§ Records:

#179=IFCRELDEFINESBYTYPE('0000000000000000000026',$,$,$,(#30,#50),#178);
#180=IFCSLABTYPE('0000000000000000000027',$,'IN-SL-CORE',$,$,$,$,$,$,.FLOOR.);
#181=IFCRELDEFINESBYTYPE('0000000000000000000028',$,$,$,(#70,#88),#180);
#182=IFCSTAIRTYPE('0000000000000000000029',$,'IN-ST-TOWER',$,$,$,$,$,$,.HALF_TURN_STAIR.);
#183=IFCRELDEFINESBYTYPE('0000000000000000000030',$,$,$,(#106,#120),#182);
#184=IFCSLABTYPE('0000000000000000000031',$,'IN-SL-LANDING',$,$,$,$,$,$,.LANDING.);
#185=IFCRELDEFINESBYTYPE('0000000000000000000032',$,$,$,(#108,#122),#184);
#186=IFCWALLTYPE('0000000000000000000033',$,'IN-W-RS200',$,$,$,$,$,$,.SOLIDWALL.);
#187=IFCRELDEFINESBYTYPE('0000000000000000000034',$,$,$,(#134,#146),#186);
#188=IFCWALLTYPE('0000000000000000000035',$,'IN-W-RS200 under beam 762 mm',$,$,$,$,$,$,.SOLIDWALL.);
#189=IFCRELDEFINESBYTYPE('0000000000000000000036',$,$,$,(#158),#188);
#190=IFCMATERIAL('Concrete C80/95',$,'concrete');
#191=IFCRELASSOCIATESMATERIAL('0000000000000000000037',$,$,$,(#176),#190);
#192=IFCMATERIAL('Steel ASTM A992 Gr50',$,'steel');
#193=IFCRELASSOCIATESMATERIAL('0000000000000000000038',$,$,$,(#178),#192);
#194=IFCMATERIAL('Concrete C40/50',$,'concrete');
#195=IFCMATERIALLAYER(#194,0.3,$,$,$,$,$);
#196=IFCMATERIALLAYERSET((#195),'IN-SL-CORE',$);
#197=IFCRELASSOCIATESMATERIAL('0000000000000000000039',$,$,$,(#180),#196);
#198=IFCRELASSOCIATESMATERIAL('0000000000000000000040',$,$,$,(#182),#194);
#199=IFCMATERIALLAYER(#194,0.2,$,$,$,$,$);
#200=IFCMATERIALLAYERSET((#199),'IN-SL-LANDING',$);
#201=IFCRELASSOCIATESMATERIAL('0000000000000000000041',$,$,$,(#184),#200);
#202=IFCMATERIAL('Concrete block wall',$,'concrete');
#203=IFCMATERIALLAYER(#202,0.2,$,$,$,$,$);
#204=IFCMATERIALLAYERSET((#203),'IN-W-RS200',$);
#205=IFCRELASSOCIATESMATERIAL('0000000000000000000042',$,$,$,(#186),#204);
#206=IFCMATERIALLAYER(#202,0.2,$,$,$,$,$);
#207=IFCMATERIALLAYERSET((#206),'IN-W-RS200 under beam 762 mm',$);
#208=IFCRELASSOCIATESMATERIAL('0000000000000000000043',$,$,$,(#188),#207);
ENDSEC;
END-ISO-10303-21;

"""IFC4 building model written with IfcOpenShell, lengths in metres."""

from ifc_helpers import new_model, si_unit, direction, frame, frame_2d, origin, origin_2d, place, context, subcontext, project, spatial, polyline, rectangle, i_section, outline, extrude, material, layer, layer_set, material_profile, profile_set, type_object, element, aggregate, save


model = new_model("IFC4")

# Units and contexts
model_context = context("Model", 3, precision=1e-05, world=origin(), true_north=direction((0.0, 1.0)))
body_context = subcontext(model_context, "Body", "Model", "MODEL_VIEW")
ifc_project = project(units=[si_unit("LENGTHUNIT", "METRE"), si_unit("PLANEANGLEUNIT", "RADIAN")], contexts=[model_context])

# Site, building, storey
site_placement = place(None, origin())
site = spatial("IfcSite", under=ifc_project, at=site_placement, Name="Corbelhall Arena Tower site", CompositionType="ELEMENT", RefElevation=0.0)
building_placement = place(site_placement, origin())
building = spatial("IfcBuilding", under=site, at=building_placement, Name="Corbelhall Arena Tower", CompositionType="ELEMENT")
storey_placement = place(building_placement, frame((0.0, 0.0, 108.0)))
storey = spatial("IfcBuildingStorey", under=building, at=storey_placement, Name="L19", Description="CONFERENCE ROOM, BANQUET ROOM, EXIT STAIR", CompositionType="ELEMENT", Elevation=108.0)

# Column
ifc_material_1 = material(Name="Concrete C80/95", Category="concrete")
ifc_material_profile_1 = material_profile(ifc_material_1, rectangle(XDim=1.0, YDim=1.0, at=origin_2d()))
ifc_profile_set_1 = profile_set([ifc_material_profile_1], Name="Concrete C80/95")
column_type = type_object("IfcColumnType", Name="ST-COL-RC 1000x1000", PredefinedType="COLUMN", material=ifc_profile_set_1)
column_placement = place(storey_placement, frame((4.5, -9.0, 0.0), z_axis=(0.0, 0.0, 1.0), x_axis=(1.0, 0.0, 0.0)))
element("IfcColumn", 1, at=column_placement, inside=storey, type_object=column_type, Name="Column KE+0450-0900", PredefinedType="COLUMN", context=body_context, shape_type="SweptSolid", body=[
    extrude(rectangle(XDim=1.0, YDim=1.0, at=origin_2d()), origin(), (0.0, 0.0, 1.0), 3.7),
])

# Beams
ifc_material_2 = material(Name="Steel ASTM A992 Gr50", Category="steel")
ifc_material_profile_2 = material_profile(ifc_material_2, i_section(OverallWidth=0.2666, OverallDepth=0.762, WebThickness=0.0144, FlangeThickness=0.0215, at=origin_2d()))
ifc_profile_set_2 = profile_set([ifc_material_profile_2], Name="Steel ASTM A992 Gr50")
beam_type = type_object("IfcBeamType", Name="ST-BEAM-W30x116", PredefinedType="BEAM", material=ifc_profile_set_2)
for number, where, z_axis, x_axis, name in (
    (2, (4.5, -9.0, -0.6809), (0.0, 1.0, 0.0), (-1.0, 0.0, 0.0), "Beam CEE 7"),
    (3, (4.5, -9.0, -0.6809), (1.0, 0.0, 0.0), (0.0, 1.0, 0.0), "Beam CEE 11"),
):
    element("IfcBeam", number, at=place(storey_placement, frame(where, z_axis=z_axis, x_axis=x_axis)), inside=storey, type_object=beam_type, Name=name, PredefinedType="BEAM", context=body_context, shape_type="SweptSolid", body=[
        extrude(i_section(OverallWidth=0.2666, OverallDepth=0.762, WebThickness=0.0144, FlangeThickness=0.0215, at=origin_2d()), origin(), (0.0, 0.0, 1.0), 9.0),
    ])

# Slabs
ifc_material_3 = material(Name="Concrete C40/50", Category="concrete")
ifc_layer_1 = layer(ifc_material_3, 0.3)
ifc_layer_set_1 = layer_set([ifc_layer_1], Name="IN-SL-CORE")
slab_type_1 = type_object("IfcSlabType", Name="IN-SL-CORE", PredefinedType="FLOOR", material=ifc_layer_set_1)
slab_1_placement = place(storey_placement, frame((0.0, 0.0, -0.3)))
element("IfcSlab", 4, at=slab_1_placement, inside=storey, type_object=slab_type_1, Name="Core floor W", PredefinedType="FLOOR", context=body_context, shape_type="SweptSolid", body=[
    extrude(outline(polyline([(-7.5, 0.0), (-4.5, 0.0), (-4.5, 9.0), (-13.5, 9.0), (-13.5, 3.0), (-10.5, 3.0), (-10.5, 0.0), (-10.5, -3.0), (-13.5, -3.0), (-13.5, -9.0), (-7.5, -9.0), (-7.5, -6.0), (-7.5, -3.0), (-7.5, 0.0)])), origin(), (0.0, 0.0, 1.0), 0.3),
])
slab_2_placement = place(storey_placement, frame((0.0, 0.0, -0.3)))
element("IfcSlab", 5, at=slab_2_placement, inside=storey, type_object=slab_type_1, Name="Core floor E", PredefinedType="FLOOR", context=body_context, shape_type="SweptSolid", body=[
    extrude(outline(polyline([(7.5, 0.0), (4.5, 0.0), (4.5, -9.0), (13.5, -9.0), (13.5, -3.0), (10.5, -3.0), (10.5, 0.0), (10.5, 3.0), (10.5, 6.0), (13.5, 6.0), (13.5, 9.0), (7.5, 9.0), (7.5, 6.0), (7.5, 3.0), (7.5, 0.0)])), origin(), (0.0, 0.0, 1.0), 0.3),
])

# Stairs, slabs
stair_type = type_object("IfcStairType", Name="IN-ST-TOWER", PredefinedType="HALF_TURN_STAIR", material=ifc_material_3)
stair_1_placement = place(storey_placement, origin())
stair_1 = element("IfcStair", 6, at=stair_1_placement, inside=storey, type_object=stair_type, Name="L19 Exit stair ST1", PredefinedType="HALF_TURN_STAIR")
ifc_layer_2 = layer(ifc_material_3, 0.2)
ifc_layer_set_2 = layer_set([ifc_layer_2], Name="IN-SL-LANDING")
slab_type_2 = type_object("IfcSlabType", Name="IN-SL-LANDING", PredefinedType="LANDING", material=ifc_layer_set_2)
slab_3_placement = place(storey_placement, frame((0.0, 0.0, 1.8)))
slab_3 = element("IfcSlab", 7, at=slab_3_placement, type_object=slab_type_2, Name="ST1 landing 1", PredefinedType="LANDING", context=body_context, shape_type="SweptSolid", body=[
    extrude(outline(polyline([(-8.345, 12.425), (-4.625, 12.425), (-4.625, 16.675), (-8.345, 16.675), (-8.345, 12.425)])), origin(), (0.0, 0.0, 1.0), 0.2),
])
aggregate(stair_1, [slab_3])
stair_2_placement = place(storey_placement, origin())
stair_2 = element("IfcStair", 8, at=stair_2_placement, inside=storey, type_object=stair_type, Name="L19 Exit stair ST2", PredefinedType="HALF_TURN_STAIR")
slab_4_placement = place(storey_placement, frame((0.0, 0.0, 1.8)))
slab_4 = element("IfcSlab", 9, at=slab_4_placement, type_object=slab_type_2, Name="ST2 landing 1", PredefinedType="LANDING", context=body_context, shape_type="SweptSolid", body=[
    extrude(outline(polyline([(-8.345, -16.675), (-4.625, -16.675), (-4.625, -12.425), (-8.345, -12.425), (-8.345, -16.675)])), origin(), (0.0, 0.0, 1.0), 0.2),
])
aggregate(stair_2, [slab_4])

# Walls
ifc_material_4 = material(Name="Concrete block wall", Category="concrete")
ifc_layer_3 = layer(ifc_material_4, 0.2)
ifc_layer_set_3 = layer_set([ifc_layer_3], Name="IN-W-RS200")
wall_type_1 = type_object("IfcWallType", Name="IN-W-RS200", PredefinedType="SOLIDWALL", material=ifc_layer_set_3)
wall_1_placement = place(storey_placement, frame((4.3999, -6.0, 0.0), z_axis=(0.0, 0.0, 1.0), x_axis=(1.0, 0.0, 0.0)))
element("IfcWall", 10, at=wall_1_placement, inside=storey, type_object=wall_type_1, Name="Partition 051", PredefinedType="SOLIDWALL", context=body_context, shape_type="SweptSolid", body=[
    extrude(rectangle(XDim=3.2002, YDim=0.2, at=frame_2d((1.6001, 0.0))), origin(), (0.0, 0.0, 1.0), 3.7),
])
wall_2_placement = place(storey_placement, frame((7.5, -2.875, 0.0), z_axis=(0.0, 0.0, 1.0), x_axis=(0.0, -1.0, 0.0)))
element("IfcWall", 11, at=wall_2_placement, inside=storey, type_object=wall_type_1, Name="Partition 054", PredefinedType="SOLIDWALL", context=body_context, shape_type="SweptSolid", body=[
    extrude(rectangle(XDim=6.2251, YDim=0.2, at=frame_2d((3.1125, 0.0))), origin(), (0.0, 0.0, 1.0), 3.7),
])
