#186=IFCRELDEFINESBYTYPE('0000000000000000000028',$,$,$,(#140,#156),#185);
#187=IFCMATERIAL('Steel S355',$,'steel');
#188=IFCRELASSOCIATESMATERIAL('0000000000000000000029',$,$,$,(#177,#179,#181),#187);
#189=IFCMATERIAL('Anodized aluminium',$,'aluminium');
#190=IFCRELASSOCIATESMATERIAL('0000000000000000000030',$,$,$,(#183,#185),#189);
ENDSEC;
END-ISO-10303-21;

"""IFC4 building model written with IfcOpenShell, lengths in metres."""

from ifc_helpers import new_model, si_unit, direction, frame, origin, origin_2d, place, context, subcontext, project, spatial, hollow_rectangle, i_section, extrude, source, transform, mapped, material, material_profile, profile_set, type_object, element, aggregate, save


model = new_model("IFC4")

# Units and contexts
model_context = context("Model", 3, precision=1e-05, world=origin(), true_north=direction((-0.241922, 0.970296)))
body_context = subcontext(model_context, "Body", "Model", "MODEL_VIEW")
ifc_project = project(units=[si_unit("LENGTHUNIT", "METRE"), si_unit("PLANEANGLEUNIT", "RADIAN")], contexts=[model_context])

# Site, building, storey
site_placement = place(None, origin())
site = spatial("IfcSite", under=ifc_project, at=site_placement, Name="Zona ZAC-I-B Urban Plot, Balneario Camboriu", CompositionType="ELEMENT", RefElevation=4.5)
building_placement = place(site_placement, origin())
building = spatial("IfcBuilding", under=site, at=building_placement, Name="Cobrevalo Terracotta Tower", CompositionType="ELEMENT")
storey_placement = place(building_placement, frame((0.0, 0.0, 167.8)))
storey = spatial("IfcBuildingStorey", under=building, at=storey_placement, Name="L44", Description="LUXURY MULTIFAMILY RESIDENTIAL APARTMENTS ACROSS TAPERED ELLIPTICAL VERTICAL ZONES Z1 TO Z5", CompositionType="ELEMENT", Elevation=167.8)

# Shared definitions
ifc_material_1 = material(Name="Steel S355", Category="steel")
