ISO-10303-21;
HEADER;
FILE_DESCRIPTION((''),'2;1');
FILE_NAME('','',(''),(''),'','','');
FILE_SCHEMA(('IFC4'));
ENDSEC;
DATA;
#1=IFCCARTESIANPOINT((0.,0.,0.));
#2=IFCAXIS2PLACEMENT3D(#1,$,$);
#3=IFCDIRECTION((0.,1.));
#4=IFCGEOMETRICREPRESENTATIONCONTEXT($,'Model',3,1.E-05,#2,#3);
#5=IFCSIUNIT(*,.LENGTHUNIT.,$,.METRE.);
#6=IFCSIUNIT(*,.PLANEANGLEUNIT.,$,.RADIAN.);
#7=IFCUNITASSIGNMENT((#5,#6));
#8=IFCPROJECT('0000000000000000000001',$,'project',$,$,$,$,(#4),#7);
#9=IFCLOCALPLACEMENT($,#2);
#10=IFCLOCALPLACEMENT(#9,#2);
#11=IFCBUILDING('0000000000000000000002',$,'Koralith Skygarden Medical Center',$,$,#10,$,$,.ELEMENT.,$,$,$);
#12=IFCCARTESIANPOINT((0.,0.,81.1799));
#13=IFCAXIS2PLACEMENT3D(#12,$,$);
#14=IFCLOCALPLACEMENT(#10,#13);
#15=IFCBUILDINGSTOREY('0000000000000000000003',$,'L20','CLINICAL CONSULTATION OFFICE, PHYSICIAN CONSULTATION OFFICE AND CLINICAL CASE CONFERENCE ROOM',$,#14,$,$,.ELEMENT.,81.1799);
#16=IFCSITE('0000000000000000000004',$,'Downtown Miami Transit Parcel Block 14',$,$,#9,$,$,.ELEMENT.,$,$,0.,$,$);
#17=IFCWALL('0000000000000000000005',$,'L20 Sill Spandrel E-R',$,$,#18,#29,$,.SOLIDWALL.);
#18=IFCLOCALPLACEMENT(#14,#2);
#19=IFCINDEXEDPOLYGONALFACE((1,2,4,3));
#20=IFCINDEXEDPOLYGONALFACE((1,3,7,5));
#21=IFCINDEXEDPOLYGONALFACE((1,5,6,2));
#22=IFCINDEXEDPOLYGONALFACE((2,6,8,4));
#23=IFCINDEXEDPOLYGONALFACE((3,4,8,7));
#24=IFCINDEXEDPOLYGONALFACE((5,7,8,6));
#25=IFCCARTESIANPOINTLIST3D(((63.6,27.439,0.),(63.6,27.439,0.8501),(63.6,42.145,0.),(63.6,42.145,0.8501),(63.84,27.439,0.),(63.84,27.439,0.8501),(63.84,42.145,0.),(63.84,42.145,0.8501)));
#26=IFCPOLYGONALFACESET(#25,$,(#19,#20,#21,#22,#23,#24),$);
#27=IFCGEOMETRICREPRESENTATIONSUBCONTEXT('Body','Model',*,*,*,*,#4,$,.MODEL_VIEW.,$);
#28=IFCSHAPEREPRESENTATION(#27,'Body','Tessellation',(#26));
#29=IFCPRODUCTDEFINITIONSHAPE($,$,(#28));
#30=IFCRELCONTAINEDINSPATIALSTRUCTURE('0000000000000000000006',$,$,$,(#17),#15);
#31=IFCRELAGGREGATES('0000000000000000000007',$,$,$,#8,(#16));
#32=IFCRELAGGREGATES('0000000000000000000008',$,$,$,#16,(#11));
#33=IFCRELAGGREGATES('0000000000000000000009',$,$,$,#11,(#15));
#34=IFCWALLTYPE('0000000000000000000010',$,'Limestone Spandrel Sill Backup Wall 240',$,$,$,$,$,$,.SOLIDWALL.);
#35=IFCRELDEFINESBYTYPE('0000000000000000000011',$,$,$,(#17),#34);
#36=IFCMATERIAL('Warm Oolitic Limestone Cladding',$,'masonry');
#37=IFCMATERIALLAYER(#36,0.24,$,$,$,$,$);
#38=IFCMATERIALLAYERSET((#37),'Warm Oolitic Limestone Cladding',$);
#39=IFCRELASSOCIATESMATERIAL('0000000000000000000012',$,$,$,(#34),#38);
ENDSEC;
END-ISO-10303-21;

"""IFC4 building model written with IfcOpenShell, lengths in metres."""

from ifc_helpers import new_model, si_unit, direction, frame, frame_2d, origin, place, context, subcontext, project, spatial, rectangle, extrude, material, layer, layer_set, type_object, element, save


model = new_model("IFC4")

# Units and contexts
model_context = context("Model", 3, precision=1e-05, world=origin(), true_north=direction((0.0, 1.0)))
body_context = subcontext(model_context, "Body", "Model", "MODEL_VIEW")
ifc_project = project(units=[si_unit("LENGTHUNIT", "METRE"), si_unit("PLANEANGLEUNIT", "RADIAN")], contexts=[model_context])

# Site, building, storey
site_placement = place(None, origin())
site = spatial("IfcSite", under=ifc_project, at=site_placement, Name="Downtown Miami Transit Parcel Block 14", CompositionType="ELEMENT", RefElevation=0.0)
building_placement = place(site_placement, origin())
building = spatial("IfcBuilding", under=site, at=building_placement, Name="Koralith Skygarden Medical Center", CompositionType="ELEMENT")
storey_placement = place(building_placement, frame((0.0, 0.0, 81.1799)))
storey = spatial("IfcBuildingStorey", under=building, at=storey_placement, Name="L20", Description="CLINICAL CONSULTATION OFFICE, PHYSICIAN CONSULTATION OFFICE AND CLINICAL CASE CONFERENCE ROOM", CompositionType="ELEMENT", Elevation=81.1799)

# Shared definitions
ifc_material_1 = material(Name="Warm Oolitic Limestone Cladding", Category="masonry")

# Wall
ifc_layer_1 = layer(ifc_material_1, 0.24)
ifc_layer_set_1 = layer_set([ifc_layer_1], Name="Warm Oolitic Limestone Cladding")
wall_type_1 = type_object("IfcWallType", Name="Limestone Spandrel Sill Backup Wall 240", PredefinedType="SOLIDWALL", material=ifc_layer_set_1)
wall_1_placement = place(storey_placement, frame((63.72, 27.439, 0.0), z_axis=(0.0, 0.0, 1.0), x_axis=(0.0, 1.0, 0.0)))
element("IfcWall", 1, at=wall_1_placement, inside=storey, type_object=wall_type_1, Name="L20 Sill Spandrel E-R", PredefinedType="SOLIDWALL", context=body_context, shape_type="SweptSolid", body=[
    extrude(rectangle(XDim=14.7061, YDim=0.24, at=frame_2d((7.353, 0.0))), origin(), (0.0, 0.0, 1.0), 0.8501),
])

save(model, "model.ifc")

§ Task prompt: In the listing above, find each line with the word "FLOOR" and return it.

§ Task answer:
#180=IFCSLABTYPE('0000000000000000000027',$,'IN-SL-CORE',$,$,$,$,$,$,.FLOOR.);
slab_type_1 = type_object("IfcSlabType", Name="IN-SL-CORE", PredefinedType="FLOOR", material=ifc_layer_set_1)
element("IfcSlab", 4, at=slab_1_placement, inside=storey, type_object=slab_type_1, Name="Core floor W", PredefinedType="FLOOR", context=body_context, shape_type="SweptSolid", body=[
element("IfcSlab", 5, at=slab_2_placement, inside=storey, type_object=slab_type_1, Name="Core floor E", PredefinedType="FLOOR", context=body_context, shape_type="SweptSolid", body=[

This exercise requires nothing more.